* [WHAT THE TASK ASKS]: Your answer should be the lines below from the one with "#10=IFCLOCALPLACEMENT(#9,#2);" to the one with "#21=IFCINDEXEDPOLYGONALFACE((1,37,38,2));", both included, given again exactly and with nothing added.

--------------------------------------------------

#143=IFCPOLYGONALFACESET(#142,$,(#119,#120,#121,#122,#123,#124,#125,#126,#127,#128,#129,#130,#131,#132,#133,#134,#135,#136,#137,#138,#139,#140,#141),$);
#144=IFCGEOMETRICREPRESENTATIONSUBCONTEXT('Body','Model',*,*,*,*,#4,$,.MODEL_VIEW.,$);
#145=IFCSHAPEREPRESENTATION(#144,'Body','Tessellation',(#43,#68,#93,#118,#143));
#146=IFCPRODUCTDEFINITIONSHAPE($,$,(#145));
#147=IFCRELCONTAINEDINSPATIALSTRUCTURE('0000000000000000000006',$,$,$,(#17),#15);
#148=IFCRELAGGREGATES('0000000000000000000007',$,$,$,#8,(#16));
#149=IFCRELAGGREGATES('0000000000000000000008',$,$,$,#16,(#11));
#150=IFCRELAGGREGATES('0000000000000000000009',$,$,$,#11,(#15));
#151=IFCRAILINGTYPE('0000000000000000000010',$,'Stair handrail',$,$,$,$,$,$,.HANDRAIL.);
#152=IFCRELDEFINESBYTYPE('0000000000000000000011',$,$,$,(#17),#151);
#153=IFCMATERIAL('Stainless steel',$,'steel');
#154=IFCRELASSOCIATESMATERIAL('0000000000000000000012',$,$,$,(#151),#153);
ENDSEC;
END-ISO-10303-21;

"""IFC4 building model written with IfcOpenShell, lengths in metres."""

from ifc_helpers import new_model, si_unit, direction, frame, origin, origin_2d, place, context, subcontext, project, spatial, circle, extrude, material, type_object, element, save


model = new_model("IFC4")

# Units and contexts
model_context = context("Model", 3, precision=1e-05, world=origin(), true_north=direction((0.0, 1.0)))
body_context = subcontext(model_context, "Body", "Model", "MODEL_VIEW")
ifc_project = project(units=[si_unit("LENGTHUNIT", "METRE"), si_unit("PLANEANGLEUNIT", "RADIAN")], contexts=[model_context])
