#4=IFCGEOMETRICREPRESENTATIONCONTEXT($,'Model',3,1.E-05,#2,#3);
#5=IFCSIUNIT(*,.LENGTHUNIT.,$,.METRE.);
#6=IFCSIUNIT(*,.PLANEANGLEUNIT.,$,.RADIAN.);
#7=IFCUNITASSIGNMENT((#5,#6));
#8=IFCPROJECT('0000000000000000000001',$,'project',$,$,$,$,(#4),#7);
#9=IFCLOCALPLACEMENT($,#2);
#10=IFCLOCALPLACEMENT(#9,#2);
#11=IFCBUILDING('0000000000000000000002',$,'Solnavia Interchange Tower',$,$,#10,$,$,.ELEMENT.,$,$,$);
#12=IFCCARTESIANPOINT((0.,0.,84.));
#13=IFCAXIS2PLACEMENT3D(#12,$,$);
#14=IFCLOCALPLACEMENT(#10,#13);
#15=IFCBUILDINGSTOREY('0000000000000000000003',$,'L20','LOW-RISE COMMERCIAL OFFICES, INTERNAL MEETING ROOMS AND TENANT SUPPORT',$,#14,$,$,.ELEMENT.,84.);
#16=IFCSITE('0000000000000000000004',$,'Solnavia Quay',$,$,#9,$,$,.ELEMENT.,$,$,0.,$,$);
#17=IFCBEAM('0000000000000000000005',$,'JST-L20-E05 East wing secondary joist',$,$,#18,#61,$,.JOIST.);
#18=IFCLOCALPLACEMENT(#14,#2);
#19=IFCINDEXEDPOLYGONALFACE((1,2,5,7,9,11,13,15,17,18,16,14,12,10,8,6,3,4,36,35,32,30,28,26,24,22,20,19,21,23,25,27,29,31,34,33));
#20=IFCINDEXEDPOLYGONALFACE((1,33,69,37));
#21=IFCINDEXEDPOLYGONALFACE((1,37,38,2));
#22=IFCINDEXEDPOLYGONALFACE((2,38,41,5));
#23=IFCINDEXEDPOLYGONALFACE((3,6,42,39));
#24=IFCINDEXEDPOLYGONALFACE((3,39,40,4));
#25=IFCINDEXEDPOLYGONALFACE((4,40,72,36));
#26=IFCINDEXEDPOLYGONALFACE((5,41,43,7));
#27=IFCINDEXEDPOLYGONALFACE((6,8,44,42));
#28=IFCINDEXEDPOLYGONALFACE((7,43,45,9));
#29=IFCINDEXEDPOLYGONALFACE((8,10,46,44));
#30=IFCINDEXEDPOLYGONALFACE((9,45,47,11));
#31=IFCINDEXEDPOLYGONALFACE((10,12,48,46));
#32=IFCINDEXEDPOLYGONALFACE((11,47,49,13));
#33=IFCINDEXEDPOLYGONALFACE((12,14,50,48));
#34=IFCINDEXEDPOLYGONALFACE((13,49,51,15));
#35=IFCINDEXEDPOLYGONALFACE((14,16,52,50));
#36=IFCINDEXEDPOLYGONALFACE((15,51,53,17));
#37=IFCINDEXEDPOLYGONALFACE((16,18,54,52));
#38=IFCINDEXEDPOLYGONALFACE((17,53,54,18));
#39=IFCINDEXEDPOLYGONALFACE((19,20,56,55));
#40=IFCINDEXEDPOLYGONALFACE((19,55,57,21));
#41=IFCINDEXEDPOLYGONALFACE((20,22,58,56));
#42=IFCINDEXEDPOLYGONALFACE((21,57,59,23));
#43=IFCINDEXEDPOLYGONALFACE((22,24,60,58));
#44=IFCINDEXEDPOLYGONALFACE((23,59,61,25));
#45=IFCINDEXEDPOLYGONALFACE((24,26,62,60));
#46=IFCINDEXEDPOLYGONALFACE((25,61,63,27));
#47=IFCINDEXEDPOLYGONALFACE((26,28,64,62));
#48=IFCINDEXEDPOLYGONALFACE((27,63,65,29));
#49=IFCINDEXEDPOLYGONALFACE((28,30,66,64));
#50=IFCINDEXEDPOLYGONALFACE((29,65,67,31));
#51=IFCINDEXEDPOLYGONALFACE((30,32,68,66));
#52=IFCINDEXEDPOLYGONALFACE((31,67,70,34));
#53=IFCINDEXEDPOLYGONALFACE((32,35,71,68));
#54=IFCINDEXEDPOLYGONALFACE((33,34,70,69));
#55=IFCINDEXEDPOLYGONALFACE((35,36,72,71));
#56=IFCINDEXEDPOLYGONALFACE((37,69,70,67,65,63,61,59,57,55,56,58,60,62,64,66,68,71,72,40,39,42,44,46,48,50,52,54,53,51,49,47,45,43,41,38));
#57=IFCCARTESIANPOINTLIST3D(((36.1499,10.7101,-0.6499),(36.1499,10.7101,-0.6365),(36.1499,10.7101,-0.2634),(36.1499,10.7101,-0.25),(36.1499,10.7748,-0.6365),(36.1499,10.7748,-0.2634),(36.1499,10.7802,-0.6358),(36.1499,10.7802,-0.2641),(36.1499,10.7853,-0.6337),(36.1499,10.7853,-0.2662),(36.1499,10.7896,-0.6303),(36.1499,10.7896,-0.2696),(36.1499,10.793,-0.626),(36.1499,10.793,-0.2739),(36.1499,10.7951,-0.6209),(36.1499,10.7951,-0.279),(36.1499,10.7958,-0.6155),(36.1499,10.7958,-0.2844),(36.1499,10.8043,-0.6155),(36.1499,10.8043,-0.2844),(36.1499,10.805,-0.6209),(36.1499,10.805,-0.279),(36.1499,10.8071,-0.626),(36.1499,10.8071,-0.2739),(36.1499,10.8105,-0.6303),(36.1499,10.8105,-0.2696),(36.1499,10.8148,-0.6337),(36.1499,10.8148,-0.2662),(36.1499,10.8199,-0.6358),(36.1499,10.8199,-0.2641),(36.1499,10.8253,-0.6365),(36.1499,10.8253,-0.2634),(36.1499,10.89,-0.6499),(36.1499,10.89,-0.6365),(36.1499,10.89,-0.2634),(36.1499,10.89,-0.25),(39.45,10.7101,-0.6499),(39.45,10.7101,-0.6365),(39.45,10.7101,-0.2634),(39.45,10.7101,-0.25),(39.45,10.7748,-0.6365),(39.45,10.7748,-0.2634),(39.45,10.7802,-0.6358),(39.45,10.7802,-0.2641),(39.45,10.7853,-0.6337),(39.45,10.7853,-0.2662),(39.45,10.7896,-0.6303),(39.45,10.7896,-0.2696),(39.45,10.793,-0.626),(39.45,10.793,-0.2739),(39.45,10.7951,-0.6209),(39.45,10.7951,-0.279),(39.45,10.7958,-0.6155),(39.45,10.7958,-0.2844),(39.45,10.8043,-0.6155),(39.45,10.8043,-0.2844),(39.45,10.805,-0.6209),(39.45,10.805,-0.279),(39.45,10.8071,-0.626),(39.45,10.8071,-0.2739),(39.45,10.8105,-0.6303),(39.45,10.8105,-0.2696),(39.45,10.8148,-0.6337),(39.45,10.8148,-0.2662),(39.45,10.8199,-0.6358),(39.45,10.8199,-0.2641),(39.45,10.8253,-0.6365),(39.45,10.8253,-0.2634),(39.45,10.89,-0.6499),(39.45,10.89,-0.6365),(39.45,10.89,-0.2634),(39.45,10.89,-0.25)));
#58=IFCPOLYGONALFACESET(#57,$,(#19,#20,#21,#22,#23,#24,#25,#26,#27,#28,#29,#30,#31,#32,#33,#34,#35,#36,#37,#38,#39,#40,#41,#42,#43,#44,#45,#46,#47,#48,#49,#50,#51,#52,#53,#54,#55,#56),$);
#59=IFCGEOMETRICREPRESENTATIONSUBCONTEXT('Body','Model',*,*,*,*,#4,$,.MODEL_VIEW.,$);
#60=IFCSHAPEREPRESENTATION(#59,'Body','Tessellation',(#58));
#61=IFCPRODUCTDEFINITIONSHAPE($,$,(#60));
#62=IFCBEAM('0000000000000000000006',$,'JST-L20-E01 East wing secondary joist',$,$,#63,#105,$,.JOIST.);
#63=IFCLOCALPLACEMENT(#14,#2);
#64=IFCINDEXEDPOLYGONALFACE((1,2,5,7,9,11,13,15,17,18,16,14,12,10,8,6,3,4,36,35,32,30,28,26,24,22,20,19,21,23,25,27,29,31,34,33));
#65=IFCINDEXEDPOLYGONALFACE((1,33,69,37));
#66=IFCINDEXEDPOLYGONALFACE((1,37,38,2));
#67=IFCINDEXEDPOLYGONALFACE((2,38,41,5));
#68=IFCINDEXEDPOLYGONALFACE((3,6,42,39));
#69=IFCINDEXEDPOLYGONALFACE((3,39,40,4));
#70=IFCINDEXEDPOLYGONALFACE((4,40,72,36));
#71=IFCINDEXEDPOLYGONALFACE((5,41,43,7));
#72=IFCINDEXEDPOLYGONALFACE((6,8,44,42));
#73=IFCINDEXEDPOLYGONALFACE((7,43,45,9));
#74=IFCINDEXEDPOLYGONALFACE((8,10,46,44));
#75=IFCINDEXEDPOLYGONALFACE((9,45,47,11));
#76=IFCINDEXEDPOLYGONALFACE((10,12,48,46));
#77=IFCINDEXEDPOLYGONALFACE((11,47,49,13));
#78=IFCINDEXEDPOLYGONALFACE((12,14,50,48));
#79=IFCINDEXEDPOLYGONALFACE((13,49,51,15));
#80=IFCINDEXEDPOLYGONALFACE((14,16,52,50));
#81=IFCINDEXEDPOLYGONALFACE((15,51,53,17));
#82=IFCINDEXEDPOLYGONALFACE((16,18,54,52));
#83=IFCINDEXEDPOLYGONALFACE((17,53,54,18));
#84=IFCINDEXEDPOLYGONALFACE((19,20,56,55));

--------------------------------------------------

* [SOLUTION FOR THIS PROBLEM]:
#10=IFCLOCALPLACEMENT(#9,#2);
#11=IFCBUILDING('0000000000000000000002',$,'Solnavia Interchange Tower',$,$,#10,$,$,.ELEMENT.,$,$,$);
#12=IFCCARTESIANPOINT((0.,0.,84.));
#13=IFCAXIS2PLACEMENT3D(#12,$,$);
#14=IFCLOCALPLACEMENT(#10,#13);
#15=IFCBUILDINGSTOREY('0000000000000000000003',$,'L20','LOW-RISE COMMERCIAL OFFICES, INTERNAL MEETING ROOMS AND TENANT SUPPORT',$,#14,$,$,.ELEMENT.,84.);
#16=IFCSITE('0000000000000000000004',$,'Solnavia Quay',$,$,#9,$,$,.ELEMENT.,$,$,0.,$,$);
#17=IFCBEAM('0000000000000000000005',$,'JST-L20-E05 East wing secondary joist',$,$,#18,#61,$,.JOIST.);
#18=IFCLOCALPLACEMENT(#14,#2);
#19=IFCINDEXEDPOLYGONALFACE((1,2,5,7,9,11,13,15,17,18,16,14,12,10,8,6,3,4,36,35,32,30,28,26,24,22,20,19,21,23,25,27,29,31,34,33));
#20=IFCINDEXEDPOLYGONALFACE((1,33,69,37));
#21=IFCINDEXEDPOLYGONALFACE((1,37,38,2));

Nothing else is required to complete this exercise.